→ **DATA IN THIS EXERCISE**
======
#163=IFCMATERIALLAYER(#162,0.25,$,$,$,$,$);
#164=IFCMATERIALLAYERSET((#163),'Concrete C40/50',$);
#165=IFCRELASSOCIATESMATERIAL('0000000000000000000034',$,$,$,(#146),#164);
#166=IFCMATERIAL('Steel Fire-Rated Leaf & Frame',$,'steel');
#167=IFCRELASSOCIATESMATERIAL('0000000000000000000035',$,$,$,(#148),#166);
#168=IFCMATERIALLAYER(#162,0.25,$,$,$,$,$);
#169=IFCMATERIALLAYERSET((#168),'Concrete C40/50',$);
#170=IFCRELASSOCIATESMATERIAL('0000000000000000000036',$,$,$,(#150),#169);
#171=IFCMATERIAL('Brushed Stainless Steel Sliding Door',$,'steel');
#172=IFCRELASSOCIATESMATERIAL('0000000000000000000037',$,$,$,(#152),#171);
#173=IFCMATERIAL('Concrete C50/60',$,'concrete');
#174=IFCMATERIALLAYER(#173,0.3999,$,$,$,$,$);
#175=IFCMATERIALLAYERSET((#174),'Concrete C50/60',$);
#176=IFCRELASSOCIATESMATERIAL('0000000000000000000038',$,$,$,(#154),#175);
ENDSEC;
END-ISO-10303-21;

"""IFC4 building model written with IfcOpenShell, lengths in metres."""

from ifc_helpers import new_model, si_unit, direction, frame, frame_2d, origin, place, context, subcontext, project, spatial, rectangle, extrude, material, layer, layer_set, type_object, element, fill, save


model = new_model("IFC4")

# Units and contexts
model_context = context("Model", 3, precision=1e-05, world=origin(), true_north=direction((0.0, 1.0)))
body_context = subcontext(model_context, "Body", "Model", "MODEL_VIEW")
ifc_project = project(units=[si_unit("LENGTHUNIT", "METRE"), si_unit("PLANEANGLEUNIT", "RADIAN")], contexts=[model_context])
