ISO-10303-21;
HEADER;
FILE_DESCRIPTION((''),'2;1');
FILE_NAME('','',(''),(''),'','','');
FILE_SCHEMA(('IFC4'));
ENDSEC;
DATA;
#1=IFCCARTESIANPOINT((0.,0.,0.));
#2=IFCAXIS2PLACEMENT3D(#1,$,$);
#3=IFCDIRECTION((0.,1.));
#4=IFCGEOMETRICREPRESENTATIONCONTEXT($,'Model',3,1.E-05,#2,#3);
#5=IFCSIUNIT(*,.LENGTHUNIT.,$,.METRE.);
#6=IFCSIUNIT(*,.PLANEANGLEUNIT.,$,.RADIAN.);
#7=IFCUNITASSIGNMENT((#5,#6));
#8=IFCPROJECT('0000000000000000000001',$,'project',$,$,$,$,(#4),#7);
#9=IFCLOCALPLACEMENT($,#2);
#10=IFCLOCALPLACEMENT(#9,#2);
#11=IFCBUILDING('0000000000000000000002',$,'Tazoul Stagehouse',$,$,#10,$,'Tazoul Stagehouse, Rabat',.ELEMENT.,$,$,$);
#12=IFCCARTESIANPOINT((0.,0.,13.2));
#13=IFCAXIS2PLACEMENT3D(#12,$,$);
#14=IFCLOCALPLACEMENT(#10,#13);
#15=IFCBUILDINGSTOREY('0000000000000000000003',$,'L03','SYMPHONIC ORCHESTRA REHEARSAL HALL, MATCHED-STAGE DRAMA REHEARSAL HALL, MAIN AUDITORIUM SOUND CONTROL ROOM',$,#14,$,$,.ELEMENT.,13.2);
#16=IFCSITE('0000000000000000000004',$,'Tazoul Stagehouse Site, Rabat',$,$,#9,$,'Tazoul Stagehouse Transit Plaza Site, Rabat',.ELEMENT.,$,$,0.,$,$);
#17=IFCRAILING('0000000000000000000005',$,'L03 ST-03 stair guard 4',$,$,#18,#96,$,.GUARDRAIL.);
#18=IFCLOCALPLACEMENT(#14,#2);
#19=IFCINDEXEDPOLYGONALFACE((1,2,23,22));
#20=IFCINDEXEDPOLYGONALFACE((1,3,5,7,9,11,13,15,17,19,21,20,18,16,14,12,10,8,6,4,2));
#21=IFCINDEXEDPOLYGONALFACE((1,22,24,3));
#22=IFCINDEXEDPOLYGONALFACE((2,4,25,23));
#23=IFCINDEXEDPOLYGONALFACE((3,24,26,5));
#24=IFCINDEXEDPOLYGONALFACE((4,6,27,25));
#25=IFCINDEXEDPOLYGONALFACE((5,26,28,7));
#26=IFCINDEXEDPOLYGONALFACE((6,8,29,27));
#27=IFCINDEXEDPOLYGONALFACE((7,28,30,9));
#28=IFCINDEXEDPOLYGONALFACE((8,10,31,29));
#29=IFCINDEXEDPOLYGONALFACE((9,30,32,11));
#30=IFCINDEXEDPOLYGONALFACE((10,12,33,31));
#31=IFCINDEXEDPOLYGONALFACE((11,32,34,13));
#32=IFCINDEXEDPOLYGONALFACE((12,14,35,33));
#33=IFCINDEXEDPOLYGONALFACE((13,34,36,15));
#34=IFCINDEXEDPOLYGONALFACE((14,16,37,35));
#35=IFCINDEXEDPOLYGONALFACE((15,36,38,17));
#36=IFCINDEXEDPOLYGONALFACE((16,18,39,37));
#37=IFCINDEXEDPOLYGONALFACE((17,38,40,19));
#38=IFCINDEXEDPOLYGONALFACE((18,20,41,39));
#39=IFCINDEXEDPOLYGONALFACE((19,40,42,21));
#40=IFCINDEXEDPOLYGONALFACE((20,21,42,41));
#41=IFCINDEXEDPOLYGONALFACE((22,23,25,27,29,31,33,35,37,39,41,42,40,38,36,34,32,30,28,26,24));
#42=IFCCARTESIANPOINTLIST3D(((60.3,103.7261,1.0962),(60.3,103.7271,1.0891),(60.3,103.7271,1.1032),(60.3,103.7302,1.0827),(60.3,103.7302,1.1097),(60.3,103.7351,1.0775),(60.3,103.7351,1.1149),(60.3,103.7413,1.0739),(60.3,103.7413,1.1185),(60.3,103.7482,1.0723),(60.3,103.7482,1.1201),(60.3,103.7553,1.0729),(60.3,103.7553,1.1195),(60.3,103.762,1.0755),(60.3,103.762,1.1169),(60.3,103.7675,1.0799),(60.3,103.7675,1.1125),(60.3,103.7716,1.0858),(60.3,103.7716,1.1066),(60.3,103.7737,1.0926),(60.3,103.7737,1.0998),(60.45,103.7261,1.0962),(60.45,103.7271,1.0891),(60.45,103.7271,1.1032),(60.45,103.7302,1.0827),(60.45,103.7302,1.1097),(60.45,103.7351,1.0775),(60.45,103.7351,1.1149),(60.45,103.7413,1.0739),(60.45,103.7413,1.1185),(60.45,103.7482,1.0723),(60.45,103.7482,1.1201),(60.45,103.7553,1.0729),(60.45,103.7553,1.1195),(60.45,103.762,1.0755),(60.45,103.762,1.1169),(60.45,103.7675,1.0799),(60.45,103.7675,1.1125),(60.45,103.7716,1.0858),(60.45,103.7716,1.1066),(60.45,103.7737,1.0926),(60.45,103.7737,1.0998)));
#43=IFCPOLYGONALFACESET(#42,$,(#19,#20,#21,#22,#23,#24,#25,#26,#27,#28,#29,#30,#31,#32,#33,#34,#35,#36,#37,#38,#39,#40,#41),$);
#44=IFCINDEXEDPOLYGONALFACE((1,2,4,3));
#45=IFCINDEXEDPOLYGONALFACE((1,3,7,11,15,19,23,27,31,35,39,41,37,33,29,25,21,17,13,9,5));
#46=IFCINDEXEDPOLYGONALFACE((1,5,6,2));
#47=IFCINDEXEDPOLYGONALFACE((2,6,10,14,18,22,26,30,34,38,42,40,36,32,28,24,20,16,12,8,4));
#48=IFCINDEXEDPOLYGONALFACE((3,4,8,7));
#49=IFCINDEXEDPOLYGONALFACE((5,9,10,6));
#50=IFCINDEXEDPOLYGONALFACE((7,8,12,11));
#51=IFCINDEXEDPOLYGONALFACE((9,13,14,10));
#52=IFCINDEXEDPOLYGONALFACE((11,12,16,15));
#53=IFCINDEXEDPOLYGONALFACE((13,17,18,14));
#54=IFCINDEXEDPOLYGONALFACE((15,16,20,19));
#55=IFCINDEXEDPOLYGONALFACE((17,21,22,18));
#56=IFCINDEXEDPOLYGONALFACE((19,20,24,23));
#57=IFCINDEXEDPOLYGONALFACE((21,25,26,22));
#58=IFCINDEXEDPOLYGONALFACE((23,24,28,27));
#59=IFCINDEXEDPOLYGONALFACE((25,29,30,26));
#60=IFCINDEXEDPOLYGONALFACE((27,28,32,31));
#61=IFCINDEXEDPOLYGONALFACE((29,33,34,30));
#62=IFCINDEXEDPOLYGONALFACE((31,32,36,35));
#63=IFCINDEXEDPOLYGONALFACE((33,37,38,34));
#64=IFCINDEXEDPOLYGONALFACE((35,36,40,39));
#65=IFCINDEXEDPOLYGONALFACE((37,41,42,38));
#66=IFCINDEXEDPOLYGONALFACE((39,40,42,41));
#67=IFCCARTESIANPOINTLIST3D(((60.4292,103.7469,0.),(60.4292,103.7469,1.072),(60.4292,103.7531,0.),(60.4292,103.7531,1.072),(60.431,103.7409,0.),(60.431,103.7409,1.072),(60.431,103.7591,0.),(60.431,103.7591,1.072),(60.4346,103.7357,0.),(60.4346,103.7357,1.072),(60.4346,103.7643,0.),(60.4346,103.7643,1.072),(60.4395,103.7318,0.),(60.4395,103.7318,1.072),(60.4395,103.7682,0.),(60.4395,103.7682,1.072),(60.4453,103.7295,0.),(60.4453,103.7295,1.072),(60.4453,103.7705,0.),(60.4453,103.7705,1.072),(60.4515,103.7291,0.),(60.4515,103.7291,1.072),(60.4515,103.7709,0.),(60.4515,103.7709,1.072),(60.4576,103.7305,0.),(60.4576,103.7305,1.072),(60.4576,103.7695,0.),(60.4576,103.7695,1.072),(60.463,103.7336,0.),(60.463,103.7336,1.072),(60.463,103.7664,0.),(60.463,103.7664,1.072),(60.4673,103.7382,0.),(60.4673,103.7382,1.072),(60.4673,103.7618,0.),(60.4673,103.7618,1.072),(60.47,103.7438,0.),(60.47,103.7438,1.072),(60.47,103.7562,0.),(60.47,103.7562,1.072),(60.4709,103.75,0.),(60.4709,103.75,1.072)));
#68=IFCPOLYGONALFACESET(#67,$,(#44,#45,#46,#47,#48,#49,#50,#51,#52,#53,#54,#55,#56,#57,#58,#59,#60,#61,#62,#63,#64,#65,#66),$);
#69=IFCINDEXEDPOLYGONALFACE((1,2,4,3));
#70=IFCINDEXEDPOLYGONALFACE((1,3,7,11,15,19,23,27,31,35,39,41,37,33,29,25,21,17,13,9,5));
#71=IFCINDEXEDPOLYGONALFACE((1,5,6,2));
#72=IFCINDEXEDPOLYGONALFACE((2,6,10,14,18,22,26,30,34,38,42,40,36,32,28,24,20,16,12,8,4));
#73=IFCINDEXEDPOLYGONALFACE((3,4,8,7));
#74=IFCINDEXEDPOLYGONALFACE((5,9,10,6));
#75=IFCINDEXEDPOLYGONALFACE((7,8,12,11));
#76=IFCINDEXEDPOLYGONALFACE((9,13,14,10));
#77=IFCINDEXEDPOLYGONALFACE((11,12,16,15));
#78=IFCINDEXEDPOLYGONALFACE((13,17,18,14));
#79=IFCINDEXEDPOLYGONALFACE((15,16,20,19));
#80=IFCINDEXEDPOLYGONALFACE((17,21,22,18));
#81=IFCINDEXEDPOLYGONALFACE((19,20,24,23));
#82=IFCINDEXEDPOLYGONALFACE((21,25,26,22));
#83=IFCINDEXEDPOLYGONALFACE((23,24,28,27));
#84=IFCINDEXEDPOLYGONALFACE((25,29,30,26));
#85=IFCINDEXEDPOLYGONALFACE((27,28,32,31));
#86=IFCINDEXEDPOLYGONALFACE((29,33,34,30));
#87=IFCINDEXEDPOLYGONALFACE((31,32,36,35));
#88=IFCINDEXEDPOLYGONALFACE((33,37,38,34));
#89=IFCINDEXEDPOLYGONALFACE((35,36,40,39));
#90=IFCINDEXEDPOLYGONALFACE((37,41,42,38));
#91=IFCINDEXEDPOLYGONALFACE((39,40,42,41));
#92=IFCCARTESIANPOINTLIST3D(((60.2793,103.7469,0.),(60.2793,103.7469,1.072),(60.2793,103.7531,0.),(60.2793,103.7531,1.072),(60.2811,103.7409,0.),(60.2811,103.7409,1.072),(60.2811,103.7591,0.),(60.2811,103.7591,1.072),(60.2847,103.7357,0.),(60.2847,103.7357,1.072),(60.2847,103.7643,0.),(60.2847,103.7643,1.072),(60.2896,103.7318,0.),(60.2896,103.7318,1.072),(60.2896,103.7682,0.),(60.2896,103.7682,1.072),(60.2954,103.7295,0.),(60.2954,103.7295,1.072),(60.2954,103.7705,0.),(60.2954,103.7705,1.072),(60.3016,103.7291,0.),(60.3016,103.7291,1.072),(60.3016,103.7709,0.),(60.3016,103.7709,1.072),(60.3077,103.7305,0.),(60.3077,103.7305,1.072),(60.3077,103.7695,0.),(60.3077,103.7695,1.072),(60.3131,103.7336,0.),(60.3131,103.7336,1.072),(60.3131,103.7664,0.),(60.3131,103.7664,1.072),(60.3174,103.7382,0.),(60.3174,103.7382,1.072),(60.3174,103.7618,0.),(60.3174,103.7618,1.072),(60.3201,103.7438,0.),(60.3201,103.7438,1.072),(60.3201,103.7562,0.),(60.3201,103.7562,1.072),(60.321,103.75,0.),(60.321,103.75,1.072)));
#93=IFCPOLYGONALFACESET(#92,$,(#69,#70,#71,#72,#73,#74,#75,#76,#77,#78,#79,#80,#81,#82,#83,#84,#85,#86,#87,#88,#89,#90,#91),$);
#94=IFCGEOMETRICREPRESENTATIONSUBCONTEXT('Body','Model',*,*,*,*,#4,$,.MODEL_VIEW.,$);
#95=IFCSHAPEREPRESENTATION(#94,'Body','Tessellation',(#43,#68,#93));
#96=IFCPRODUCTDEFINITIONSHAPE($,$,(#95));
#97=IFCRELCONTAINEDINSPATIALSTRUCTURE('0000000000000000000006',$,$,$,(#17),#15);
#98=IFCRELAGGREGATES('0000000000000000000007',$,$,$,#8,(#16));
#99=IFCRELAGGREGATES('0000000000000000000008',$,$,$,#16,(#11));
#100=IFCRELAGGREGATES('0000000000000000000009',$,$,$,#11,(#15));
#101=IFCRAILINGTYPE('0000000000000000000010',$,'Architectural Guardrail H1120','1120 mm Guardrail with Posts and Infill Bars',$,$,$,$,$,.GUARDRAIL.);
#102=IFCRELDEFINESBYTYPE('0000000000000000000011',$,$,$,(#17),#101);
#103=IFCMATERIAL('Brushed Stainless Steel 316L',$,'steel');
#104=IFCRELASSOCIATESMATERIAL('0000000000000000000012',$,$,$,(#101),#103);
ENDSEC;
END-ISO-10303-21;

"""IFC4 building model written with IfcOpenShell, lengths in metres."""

from ifc_helpers import new_model, si_unit, direction, frame, origin, origin_2d, place, context, subcontext, project, spatial, circle, extrude, material, material_profile, profile_set, type_object, element, save


model = new_model("IFC4")

# Units and contexts
model_context = context("Model", 3, precision=1e-05, world=origin(), true_north=direction((0.0, 1.0)))
body_context = subcontext(model_context, "Body", "Model", "MODEL_VIEW")
ifc_project = project(units=[si_unit("LENGTHUNIT", "METRE"), si_unit("PLANEANGLEUNIT", "RADIAN")], contexts=[model_context])

# Site, building, storey
site_placement = place(None, origin())
site = spatial("IfcSite", under=ifc_project, at=site_placement, Name="Tazoul Stagehouse Site, Rabat", LongName="Tazoul Stagehouse Transit Plaza Site, Rabat", CompositionType="ELEMENT", RefElevation=0.0)
building_placement = place(site_placement, origin())
building = spatial("IfcBuilding", under=site, at=building_placement, Name="Tazoul Stagehouse", LongName="Tazoul Stagehouse, Rabat", CompositionType="ELEMENT")
storey_placement = place(building_placement, frame((0.0, 0.0, 13.2)))
storey = spatial("IfcBuildingStorey", under=building, at=storey_placement, Name="L03", Description="SYMPHONIC ORCHESTRA REHEARSAL HALL, MATCHED-STAGE DRAMA REHEARSAL HALL, MAIN AUDITORIUM SOUND CONTROL ROOM", CompositionType="ELEMENT", Elevation=13.2)

# Railing
ifc_material_1 = material(Name="Brushed Stainless Steel 316L", Category="steel")
ifc_material_profile_1 = material_profile(ifc_material_1, circle(Radius=0.0239, at=origin_2d()), Name="SS RAIL D48")
ifc_profile_set_1 = profile_set([ifc_material_profile_1], Name="Brushed Stainless Steel 316L")
railing_type_1 = type_object("IfcRailingType", Name="Architectural Guardrail H1120", Description="1120 mm Guardrail with Posts and Infill Bars", PredefinedType="GUARDRAIL", material=ifc_profile_set_1)
railing_1_placement = place(storey_placement, frame((60.45, 103.75, 0.0)))
element("IfcRailing", 1, at=railing_1_placement, inside=storey, type_object=railing_type_1, Name="L03 ST-03 stair guard 4", PredefinedType="GUARDRAIL", context=body_context, shape_type="SweptSolid", body=[
    extrude(circle(Radius=0.0239, at=origin_2d()), frame((0.0, 0.0, 1.0962), z_axis=(-1.0, 0.0, 0.0), x_axis=(0.0, -1.0, 0.0)), (0.0, 0.0, 1.0), 0.1499),
    extrude(circle(Radius=0.021, at=origin_2d()), origin(), (0.0, 0.0, 1.0), 1.072),
    extrude(circle(Radius=0.021, at=origin_2d()), frame((-0.1499, 0.0, 0.0)), (0.0, 0.0, 1.0), 1.072),
])

save(model, "model.ifc")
======
→ **EXERCISE DESCRIPTION**
Lines in the records above that carry the word "IFCSIUNIT" are to be located and copied.

→ **ANSWER SECTION**
#5=IFCSIUNIT(*,.LENGTHUNIT.,$,.METRE.);
#6=IFCSIUNIT(*,.PLANEANGLEUNIT.,$,.RADIAN.);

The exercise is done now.